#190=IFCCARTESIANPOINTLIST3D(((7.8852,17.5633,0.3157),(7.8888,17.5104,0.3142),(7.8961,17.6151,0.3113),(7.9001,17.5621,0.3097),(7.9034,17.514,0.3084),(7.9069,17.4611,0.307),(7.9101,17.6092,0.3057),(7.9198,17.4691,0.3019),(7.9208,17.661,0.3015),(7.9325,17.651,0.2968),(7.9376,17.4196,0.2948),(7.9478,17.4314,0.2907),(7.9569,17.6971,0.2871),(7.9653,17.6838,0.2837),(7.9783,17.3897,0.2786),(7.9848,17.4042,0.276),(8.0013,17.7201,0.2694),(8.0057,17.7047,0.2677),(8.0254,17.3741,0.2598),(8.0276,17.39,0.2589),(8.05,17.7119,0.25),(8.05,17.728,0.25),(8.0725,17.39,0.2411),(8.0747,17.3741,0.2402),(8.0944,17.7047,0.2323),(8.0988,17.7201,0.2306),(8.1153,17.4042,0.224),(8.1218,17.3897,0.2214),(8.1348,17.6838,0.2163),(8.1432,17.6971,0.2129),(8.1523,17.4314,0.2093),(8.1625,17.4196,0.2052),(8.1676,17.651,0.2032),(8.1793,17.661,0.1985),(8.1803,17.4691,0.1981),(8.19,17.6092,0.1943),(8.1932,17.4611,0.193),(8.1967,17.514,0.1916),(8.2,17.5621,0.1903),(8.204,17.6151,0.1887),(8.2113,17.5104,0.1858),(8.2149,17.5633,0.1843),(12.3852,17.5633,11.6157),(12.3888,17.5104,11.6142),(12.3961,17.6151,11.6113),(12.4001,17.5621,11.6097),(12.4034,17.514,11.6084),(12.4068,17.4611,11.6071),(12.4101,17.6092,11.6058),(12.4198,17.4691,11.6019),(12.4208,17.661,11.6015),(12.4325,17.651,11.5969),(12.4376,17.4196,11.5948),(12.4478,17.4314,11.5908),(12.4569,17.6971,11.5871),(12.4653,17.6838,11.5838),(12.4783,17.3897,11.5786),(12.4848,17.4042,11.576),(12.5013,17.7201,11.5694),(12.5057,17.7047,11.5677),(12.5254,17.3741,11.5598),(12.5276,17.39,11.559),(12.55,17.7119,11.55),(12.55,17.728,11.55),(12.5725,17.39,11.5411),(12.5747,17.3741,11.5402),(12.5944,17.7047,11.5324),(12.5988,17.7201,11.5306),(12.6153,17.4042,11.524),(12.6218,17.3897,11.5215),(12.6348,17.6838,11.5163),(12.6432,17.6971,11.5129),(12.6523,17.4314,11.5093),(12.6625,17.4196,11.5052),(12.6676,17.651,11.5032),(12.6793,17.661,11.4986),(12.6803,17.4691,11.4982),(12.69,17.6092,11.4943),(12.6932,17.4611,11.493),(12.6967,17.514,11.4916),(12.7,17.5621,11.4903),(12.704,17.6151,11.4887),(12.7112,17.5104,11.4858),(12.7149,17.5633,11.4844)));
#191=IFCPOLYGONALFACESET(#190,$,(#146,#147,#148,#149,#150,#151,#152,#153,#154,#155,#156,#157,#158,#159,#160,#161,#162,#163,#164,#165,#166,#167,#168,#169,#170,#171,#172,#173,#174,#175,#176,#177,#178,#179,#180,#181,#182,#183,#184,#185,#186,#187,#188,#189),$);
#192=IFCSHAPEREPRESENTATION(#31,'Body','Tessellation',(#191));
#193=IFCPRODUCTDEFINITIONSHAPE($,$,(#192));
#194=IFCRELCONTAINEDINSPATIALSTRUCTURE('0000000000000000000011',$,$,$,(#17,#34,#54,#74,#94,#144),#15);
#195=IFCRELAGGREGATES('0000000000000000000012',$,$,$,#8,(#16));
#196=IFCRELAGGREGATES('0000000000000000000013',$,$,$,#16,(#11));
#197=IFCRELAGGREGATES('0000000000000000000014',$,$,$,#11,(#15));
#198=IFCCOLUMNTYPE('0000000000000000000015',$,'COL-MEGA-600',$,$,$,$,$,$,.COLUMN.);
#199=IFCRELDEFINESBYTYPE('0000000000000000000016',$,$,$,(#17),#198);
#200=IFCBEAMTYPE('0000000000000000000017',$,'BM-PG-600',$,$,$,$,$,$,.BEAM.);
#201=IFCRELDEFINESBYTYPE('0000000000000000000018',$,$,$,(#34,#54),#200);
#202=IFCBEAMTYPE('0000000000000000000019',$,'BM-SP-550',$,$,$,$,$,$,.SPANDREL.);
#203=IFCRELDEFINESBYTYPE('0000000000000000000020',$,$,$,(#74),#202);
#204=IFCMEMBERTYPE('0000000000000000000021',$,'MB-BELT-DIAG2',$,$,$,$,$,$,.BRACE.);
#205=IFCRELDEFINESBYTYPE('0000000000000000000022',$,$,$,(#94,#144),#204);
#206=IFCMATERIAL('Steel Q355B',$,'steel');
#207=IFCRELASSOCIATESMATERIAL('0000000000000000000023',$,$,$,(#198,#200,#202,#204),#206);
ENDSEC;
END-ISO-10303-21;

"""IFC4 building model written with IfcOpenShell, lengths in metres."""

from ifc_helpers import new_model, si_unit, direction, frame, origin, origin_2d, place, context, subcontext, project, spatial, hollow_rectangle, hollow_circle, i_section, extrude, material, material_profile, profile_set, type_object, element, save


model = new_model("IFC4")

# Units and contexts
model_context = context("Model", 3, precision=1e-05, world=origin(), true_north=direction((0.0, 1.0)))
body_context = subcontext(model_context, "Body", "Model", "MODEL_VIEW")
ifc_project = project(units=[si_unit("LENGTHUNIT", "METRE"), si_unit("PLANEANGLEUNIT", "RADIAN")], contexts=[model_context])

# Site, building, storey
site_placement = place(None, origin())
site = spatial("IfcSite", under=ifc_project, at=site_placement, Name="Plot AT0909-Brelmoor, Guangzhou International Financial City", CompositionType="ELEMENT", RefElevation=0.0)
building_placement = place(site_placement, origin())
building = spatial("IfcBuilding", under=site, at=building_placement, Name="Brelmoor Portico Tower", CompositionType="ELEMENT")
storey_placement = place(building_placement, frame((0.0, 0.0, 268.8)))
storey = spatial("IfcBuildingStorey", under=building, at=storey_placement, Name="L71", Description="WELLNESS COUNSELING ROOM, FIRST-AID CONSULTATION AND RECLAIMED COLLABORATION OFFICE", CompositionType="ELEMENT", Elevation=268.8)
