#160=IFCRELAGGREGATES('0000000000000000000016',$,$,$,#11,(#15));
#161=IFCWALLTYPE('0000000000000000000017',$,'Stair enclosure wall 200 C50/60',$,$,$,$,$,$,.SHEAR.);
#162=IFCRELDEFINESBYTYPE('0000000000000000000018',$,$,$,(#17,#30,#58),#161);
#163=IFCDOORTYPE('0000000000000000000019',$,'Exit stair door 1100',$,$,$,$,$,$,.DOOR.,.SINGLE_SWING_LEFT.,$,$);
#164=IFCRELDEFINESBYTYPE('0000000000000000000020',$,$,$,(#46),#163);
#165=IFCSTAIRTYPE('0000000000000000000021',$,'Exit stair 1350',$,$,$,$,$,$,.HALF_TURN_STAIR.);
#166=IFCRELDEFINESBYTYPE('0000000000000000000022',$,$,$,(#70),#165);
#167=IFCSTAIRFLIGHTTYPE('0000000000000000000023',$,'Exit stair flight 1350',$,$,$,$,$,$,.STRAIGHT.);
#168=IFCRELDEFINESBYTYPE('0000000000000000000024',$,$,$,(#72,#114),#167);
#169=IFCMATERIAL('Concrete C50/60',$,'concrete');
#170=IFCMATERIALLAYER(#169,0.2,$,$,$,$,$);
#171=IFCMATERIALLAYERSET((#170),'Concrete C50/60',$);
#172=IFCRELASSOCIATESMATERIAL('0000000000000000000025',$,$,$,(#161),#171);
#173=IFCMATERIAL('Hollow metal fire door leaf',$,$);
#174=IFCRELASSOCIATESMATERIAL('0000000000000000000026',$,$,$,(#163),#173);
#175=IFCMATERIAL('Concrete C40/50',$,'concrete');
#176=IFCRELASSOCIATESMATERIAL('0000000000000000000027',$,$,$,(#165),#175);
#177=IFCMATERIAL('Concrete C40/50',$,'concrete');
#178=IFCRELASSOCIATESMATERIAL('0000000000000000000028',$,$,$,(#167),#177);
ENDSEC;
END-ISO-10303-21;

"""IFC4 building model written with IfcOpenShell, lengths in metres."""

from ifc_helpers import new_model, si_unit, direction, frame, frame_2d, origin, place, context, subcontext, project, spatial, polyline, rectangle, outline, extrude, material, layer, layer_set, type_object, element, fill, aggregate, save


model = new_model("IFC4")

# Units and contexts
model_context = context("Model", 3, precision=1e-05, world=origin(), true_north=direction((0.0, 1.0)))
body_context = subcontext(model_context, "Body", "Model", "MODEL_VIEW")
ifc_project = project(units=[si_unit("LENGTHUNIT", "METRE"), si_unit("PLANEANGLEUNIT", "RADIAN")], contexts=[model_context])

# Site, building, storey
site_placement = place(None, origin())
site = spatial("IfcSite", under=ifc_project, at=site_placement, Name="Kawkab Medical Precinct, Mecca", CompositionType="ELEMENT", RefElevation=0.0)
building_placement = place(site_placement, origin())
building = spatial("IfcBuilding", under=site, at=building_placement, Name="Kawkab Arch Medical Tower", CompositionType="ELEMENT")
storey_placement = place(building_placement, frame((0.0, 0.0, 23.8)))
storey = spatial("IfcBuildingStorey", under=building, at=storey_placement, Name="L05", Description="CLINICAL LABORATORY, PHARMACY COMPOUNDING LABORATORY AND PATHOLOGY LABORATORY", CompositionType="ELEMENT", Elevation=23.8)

● ● ● ● ●

### Task objective:
Would you please copy exactly the part of the entries above that begins at the line containing "#206=IFCMATERIAL('Steel Q355B',$,'steel');" and ends at the line containing "#163=IFCDOORTYPE('0000000000000000000019',$,'Exit stair door", both lines included?

### Response:
#206=IFCMATERIAL('Steel Q355B',$,'steel');
#207=IFCRELASSOCIATESMATERIAL('0000000000000000000023',$,$,$,(#198,#200,#202,#204),#206);
ENDSEC;
END-ISO-10303-21;

"""IFC4 building model written with IfcOpenShell, lengths in metres."""

from ifc_helpers import new_model, si_unit, direction, frame, origin, origin_2d, place, context, subcontext, project, spatial, hollow_rectangle, hollow_circle, i_section, extrude, material, material_profile, profile_set, type_object, element, save


model = new_model("IFC4")

# Units and contexts
model_context = context("Model", 3, precision=1e-05, world=origin(), true_north=direction((0.0, 1.0)))
body_context = subcontext(model_context, "Body", "Model", "MODEL_VIEW")
ifc_project = project(units=[si_unit("LENGTHUNIT", "METRE"), si_unit("PLANEANGLEUNIT", "RADIAN")], contexts=[model_context])

# Site, building, storey
site_placement = place(None, origin())
site = spatial("IfcSite", under=ifc_project, at=site_placement, Name="Plot AT0909-Brelmoor, Guangzhou International Financial City", CompositionType="ELEMENT", RefElevation=0.0)
building_placement = place(site_placement, origin())
building = spatial("IfcBuilding", under=site, at=building_placement, Name="Brelmoor Portico Tower", CompositionType="ELEMENT")
storey_placement = place(building_placement, frame((0.0, 0.0, 268.8)))
storey = spatial("IfcBuildingStorey", under=building, at=storey_placement, Name="L71", Description="WELLNESS COUNSELING ROOM, FIRST-AID CONSULTATION AND RECLAIMED COLLABORATION OFFICE", CompositionType="ELEMENT", Elevation=268.8)
#160=IFCRELAGGREGATES('0000000000000000000016',$,$,$,#11,(#15));
#161=IFCWALLTYPE('0000000000000000000017',$,'Stair enclosure wall 200 C50/60',$,$,$,$,$,$,.SHEAR.);
#162=IFCRELDEFINESBYTYPE('0000000000000000000018',$,$,$,(#17,#30,#58),#161);
#163=IFCDOORTYPE('0000000000000000000019',$,'Exit stair door 1100',$,$,$,$,$,$,.DOOR.,.SINGLE_SWING_LEFT.,$,$);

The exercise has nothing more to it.